For every line in the data below, check for the word "ledge", then state how many lines have it. Answer with the number only.

## Working data
------------------------

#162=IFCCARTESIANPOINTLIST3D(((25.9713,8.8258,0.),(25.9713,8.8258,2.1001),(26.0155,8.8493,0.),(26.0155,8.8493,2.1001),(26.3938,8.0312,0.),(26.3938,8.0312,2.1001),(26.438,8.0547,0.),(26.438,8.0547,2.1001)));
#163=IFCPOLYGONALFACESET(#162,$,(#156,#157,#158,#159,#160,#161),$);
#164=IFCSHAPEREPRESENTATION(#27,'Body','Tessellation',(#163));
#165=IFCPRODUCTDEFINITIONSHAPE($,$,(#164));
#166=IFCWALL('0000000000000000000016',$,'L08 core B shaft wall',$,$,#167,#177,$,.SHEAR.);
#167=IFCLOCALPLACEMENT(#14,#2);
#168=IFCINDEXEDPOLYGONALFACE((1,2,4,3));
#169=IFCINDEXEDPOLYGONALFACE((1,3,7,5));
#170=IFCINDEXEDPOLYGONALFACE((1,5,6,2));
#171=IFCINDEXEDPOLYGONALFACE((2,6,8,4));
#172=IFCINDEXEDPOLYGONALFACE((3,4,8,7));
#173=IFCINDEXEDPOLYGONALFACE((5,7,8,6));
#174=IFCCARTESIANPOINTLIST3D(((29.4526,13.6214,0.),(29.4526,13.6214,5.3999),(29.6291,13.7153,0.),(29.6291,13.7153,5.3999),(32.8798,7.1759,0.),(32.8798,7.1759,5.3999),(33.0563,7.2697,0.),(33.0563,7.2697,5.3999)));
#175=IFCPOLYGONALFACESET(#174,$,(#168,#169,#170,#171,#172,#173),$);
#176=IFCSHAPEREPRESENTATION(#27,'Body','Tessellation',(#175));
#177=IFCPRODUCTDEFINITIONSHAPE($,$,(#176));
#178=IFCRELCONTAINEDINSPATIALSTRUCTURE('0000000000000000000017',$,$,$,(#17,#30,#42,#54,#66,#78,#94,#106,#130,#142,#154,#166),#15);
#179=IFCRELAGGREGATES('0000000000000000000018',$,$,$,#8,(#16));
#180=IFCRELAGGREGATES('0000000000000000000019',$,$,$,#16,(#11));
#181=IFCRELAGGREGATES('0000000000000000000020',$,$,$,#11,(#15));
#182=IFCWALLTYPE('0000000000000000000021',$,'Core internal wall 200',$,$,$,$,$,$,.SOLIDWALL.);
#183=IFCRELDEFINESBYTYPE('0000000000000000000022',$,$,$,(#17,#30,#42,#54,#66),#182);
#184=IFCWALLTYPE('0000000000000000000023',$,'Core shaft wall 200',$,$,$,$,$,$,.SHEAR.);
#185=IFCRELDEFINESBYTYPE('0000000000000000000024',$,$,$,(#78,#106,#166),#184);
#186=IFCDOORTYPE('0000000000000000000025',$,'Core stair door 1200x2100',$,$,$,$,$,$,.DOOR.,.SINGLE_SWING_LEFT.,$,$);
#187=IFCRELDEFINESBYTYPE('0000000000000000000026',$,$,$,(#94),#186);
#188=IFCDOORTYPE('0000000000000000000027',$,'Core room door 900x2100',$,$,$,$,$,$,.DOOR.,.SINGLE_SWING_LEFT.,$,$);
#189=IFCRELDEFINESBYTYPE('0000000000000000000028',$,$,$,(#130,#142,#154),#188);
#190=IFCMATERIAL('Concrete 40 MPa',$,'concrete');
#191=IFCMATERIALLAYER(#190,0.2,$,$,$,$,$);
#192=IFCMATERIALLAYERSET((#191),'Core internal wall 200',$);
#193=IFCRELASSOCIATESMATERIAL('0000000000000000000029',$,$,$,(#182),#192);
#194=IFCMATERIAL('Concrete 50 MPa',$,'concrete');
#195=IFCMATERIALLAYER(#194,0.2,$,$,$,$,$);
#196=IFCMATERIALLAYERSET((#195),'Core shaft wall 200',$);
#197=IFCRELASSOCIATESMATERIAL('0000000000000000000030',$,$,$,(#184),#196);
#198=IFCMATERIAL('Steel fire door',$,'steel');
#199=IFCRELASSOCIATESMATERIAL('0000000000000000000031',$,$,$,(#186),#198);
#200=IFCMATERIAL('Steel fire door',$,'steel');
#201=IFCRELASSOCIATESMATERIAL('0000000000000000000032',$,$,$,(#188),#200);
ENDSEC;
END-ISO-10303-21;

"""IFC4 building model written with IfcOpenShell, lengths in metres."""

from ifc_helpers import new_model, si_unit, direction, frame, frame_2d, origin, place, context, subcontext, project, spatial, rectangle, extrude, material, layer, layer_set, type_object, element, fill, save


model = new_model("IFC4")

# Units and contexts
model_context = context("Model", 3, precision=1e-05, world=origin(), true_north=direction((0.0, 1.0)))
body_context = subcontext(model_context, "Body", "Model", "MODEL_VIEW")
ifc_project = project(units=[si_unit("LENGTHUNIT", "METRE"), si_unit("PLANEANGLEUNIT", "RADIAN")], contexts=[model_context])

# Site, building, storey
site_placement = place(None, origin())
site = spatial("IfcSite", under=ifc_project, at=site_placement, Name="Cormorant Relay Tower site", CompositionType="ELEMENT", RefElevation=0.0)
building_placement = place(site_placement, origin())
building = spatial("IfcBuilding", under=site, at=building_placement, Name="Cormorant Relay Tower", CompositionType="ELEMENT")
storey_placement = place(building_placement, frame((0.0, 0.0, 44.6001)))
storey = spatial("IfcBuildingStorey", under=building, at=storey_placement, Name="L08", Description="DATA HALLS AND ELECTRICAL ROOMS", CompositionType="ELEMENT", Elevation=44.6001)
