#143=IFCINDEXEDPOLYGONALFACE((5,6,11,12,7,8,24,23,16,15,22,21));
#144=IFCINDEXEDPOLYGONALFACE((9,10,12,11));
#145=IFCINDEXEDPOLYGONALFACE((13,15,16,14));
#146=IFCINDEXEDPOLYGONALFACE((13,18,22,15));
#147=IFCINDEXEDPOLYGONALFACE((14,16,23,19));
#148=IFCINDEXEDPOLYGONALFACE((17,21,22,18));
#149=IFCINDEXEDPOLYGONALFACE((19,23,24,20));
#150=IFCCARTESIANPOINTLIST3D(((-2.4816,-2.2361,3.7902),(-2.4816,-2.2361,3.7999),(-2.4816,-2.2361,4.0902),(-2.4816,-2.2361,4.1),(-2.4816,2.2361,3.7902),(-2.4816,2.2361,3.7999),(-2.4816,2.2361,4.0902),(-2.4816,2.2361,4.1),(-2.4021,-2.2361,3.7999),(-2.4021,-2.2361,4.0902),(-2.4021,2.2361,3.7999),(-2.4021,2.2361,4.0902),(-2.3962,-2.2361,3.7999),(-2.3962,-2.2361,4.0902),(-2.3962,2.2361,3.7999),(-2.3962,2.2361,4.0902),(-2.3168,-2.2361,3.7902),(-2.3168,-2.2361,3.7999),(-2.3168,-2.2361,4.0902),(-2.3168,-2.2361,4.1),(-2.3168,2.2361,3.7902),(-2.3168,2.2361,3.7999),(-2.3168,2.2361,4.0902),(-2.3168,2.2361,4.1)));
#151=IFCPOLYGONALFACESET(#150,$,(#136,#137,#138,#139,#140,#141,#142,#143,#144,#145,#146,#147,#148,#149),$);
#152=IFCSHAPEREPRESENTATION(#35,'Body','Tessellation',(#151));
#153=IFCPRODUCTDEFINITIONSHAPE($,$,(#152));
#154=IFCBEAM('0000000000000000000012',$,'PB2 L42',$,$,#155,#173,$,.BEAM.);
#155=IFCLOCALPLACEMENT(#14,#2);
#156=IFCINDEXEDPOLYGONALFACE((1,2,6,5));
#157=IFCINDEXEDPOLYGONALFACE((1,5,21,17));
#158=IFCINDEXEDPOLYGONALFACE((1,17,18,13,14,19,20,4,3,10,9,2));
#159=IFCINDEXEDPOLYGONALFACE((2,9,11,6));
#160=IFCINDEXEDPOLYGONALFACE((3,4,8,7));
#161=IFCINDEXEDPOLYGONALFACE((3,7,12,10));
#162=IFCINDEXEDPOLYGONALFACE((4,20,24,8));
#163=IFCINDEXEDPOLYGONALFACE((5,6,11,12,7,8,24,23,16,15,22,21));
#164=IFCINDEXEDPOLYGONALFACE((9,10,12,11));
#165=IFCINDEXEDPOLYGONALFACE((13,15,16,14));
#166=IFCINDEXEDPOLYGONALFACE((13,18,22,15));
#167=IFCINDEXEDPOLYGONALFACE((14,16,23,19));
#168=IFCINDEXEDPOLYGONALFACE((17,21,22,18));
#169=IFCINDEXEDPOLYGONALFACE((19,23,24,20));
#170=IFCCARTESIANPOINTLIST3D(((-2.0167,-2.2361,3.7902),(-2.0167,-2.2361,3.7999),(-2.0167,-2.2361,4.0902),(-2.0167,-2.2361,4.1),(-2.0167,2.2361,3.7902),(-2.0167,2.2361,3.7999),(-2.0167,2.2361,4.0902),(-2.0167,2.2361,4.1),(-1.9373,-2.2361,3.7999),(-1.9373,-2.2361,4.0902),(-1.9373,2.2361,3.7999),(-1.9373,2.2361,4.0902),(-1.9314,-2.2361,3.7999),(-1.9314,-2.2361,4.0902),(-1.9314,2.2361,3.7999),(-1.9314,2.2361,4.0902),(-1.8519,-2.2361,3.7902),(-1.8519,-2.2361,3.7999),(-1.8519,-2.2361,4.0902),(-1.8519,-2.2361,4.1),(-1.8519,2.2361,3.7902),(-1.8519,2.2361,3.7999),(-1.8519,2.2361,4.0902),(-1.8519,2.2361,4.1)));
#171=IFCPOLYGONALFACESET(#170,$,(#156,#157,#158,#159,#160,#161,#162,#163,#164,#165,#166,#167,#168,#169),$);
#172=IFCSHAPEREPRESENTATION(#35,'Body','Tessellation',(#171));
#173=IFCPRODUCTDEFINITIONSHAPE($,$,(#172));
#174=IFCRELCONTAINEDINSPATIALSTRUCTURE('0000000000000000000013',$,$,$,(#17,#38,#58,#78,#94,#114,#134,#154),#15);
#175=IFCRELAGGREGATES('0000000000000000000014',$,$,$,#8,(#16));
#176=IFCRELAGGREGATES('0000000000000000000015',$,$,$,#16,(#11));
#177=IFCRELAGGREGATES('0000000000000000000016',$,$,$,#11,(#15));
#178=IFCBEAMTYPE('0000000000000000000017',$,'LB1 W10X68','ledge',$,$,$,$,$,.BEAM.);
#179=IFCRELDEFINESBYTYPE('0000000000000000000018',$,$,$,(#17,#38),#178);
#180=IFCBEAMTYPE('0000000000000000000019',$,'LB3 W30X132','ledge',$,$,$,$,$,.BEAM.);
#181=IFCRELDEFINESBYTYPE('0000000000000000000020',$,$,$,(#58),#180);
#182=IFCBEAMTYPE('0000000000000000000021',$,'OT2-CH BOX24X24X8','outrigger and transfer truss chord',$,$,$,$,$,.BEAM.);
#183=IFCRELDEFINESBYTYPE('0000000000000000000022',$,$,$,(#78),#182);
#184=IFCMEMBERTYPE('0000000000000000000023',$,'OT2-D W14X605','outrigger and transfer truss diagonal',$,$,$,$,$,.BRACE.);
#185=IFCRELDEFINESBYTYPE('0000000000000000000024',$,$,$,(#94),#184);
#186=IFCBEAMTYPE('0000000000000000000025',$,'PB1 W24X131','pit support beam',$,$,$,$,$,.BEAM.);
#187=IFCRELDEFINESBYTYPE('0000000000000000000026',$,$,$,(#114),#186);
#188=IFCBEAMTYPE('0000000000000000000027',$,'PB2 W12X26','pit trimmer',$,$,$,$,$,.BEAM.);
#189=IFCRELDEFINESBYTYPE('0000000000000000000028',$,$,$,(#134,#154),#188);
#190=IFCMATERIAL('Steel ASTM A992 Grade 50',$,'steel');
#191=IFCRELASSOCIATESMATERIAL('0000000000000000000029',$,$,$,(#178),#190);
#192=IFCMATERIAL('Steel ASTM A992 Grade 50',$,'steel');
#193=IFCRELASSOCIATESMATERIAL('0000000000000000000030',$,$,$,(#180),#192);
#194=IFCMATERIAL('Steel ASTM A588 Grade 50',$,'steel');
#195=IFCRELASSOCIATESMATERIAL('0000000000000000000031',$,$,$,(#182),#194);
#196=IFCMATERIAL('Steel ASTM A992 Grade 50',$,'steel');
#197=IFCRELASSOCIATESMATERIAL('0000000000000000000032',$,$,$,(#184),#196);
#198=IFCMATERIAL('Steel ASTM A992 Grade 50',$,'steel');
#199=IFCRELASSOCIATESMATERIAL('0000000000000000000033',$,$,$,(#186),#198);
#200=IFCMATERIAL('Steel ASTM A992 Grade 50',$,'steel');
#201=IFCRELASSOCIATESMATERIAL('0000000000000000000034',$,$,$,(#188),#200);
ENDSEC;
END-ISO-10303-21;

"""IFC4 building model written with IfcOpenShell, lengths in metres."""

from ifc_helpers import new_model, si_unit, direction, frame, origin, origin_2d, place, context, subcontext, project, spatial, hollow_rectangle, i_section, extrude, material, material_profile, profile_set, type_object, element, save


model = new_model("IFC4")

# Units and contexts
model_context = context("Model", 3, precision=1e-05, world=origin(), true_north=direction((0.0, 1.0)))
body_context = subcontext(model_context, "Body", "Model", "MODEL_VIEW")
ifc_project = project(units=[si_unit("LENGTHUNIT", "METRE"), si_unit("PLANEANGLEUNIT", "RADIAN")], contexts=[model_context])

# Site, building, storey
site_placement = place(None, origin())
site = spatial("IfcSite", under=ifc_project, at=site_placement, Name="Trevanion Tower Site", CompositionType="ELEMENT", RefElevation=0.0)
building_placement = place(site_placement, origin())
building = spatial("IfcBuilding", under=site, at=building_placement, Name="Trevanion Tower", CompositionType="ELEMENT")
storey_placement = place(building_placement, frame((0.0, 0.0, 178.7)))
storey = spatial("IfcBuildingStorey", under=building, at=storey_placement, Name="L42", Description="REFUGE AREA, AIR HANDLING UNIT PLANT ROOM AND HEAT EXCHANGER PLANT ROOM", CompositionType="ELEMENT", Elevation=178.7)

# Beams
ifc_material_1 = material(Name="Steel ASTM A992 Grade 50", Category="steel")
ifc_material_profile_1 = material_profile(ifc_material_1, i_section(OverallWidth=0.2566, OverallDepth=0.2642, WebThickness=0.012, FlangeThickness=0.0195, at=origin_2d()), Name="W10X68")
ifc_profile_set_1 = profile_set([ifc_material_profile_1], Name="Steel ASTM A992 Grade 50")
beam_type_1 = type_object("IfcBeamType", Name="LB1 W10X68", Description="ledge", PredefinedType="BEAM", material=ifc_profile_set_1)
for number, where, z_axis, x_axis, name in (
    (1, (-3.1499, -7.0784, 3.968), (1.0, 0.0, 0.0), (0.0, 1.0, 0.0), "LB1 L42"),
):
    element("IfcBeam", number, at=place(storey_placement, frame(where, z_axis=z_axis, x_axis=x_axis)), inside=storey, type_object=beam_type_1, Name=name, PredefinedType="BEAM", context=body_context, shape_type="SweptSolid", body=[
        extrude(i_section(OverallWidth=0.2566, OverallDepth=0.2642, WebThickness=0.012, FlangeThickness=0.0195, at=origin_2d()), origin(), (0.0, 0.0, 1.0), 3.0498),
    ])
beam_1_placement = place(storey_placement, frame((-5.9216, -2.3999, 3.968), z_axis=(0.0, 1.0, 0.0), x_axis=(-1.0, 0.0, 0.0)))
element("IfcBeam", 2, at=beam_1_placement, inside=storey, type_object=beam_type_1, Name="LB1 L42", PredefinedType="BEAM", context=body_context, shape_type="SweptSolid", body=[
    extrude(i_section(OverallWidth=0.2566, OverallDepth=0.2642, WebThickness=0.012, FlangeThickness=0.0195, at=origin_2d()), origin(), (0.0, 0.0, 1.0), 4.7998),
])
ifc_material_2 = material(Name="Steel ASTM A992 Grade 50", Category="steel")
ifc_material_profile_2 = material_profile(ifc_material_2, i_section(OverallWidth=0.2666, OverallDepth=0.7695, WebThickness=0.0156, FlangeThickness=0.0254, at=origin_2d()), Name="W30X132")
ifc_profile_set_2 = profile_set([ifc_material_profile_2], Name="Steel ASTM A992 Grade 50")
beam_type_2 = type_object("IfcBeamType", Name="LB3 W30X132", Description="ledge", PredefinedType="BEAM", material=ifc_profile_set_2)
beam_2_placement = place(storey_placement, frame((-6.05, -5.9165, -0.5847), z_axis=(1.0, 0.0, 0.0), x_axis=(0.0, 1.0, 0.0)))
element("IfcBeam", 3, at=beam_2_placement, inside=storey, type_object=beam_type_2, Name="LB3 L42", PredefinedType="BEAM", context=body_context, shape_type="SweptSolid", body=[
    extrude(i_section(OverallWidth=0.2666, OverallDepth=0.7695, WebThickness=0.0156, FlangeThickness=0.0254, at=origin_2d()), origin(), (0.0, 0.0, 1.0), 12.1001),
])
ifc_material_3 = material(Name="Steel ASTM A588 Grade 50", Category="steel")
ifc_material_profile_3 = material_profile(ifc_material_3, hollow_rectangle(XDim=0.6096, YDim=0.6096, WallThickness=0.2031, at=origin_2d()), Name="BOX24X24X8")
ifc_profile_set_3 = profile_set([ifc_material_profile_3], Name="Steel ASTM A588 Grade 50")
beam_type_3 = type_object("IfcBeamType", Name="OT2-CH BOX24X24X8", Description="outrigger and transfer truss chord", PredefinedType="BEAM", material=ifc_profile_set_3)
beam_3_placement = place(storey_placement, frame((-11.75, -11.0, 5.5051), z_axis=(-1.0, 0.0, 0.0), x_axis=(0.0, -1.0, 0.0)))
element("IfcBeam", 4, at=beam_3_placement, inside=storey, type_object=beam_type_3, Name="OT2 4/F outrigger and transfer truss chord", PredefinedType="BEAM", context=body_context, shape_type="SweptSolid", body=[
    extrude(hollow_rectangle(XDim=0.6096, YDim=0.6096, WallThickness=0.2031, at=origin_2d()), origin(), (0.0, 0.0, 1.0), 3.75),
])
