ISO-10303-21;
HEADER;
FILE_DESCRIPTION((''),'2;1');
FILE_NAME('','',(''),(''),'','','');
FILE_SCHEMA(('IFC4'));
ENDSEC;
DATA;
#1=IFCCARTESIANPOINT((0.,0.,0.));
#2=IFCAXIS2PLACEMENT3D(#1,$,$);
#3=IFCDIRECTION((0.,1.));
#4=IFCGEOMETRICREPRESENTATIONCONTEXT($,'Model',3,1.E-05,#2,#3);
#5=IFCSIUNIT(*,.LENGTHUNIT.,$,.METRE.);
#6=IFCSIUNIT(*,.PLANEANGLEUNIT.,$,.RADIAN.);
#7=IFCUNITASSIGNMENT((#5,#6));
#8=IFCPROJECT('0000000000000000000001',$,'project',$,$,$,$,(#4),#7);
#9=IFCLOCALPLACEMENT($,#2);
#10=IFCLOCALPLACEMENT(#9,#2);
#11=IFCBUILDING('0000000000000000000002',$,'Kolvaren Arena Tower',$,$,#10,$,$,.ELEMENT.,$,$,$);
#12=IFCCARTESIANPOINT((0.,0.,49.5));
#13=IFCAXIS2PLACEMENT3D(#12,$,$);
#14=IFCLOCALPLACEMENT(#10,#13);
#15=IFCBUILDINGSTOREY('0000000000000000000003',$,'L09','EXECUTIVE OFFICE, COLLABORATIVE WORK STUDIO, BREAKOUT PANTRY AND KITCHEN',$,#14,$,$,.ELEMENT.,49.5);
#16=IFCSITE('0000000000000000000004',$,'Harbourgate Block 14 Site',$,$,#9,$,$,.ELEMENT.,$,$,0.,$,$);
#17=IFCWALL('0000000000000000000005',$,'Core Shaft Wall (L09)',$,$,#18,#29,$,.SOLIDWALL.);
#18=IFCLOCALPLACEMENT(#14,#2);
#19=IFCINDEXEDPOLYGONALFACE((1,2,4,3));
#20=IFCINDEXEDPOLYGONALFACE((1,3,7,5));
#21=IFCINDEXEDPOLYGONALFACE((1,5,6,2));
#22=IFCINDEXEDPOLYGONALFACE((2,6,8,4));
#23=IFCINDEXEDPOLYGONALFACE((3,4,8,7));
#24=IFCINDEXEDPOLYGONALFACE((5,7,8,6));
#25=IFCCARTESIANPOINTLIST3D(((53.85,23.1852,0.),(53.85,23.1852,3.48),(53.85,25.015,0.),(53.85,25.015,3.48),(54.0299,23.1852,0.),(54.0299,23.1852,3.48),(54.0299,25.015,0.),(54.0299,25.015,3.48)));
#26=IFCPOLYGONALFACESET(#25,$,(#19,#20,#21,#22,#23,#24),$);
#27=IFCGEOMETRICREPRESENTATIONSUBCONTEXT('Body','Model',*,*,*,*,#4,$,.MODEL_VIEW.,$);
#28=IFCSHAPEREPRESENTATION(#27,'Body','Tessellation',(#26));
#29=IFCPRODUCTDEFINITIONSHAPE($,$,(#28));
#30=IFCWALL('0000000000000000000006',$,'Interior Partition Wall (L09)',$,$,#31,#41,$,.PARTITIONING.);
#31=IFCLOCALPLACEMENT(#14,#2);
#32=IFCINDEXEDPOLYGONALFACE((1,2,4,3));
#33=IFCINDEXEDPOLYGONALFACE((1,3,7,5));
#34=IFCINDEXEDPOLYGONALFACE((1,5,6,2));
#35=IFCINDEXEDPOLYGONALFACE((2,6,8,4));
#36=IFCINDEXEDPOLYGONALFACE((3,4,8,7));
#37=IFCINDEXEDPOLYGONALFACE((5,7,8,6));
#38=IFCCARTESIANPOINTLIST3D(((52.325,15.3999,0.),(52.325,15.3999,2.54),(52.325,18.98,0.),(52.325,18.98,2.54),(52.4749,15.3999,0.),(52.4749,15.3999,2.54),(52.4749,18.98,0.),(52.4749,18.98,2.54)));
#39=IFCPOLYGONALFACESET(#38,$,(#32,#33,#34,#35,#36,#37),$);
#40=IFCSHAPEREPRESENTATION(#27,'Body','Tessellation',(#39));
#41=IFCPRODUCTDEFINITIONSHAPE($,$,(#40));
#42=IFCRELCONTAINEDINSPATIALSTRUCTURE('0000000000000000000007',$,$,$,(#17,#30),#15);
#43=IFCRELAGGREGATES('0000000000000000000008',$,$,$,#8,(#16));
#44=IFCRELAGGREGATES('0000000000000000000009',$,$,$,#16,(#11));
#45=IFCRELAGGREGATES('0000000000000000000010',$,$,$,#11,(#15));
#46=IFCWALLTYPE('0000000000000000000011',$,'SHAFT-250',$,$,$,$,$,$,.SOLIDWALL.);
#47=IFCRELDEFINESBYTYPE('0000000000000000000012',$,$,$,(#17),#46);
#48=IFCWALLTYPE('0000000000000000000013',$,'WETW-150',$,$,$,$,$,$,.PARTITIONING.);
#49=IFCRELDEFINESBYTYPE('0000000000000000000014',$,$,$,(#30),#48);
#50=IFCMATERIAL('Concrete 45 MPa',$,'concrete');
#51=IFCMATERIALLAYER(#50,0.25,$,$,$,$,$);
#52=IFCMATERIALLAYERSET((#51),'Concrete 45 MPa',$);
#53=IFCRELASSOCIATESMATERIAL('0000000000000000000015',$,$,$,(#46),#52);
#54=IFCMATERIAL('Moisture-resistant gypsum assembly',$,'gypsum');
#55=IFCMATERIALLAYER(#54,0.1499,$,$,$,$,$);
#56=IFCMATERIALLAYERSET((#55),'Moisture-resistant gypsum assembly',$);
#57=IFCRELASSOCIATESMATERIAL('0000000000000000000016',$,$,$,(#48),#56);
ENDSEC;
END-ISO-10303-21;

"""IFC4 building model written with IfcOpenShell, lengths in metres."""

from ifc_helpers import new_model, si_unit, direction, frame, frame_2d, origin, place, context, subcontext, project, spatial, rectangle, extrude, material, layer, layer_set, type_object, element, save


model = new_model("IFC4")

# Units and contexts
model_context = context("Model", 3, precision=1e-05, world=origin(), true_north=direction((0.0, 1.0)))
body_context = subcontext(model_context, "Body", "Model", "MODEL_VIEW")
ifc_project = project(units=[si_unit("LENGTHUNIT", "METRE"), si_unit("PLANEANGLEUNIT", "RADIAN")], contexts=[model_context])

# Site, building, storey
site_placement = place(None, origin())
site = spatial("IfcSite", under=ifc_project, at=site_placement, Name="Harbourgate Block 14 Site", CompositionType="ELEMENT", RefElevation=0.0)
building_placement = place(site_placement, origin())
building = spatial("IfcBuilding", under=site, at=building_placement, Name="Kolvaren Arena Tower", CompositionType="ELEMENT")
storey_placement = place(building_placement, frame((0.0, 0.0, 49.5)))
storey = spatial("IfcBuildingStorey", under=building, at=storey_placement, Name="L09", Description="EXECUTIVE OFFICE, COLLABORATIVE WORK STUDIO, BREAKOUT PANTRY AND KITCHEN", CompositionType="ELEMENT", Elevation=49.5)

# Shared definitions
ifc_material_1 = material(Name="Concrete 45 MPa", Category="concrete")
ifc_layer_1 = layer(ifc_material_1, 0.25)
ifc_layer_set_1 = layer_set([ifc_layer_1], Name="Concrete 45 MPa")
wall_type_1 = type_object("IfcWallType", Name="SHAFT-250", PredefinedType="SOLIDWALL", material=ifc_layer_set_1)

# Walls
wall_1_placement = place(storey_placement, frame((53.9399, 23.1851, 0.0), z_axis=(0.0, 0.0, 1.0), x_axis=(0.0, 1.0, 0.0)))
element("IfcWall", 1, at=wall_1_placement, inside=storey, type_object=wall_type_1, Name="Core Shaft Wall (L09)", PredefinedType="SOLIDWALL", context=body_context, shape_type="SweptSolid", body=[
    extrude(rectangle(XDim=1.8298, YDim=0.1799, at=frame_2d((0.915, 0.0))), origin(), (0.0, 0.0, 1.0), 3.48),
])
ifc_material_2 = material(Name="Moisture-resistant gypsum assembly", Category="gypsum")
ifc_layer_2 = layer(ifc_material_2, 0.1499)
ifc_layer_set_2 = layer_set([ifc_layer_2], Name="Moisture-resistant gypsum assembly")
wall_type_2 = type_object("IfcWallType", Name="WETW-150", PredefinedType="PARTITIONING", material=ifc_layer_set_2)
wall_2_placement = place(storey_placement, frame((52.3999, 15.3999, 0.0), z_axis=(0.0, 0.0, 1.0), x_axis=(0.0, 1.0, 0.0)))
element("IfcWall", 2, at=wall_2_placement, inside=storey, type_object=wall_type_2, Name="Interior Partition Wall (L09)", PredefinedType="PARTITIONING", context=body_context, shape_type="SweptSolid", body=[
    extrude(rectangle(XDim=3.5801, YDim=0.1499, at=frame_2d((1.79, 0.0))), origin(), (0.0, 0.0, 1.0), 2.54),
])

save(model, "model.ifc")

------------------------

## Result of this task
4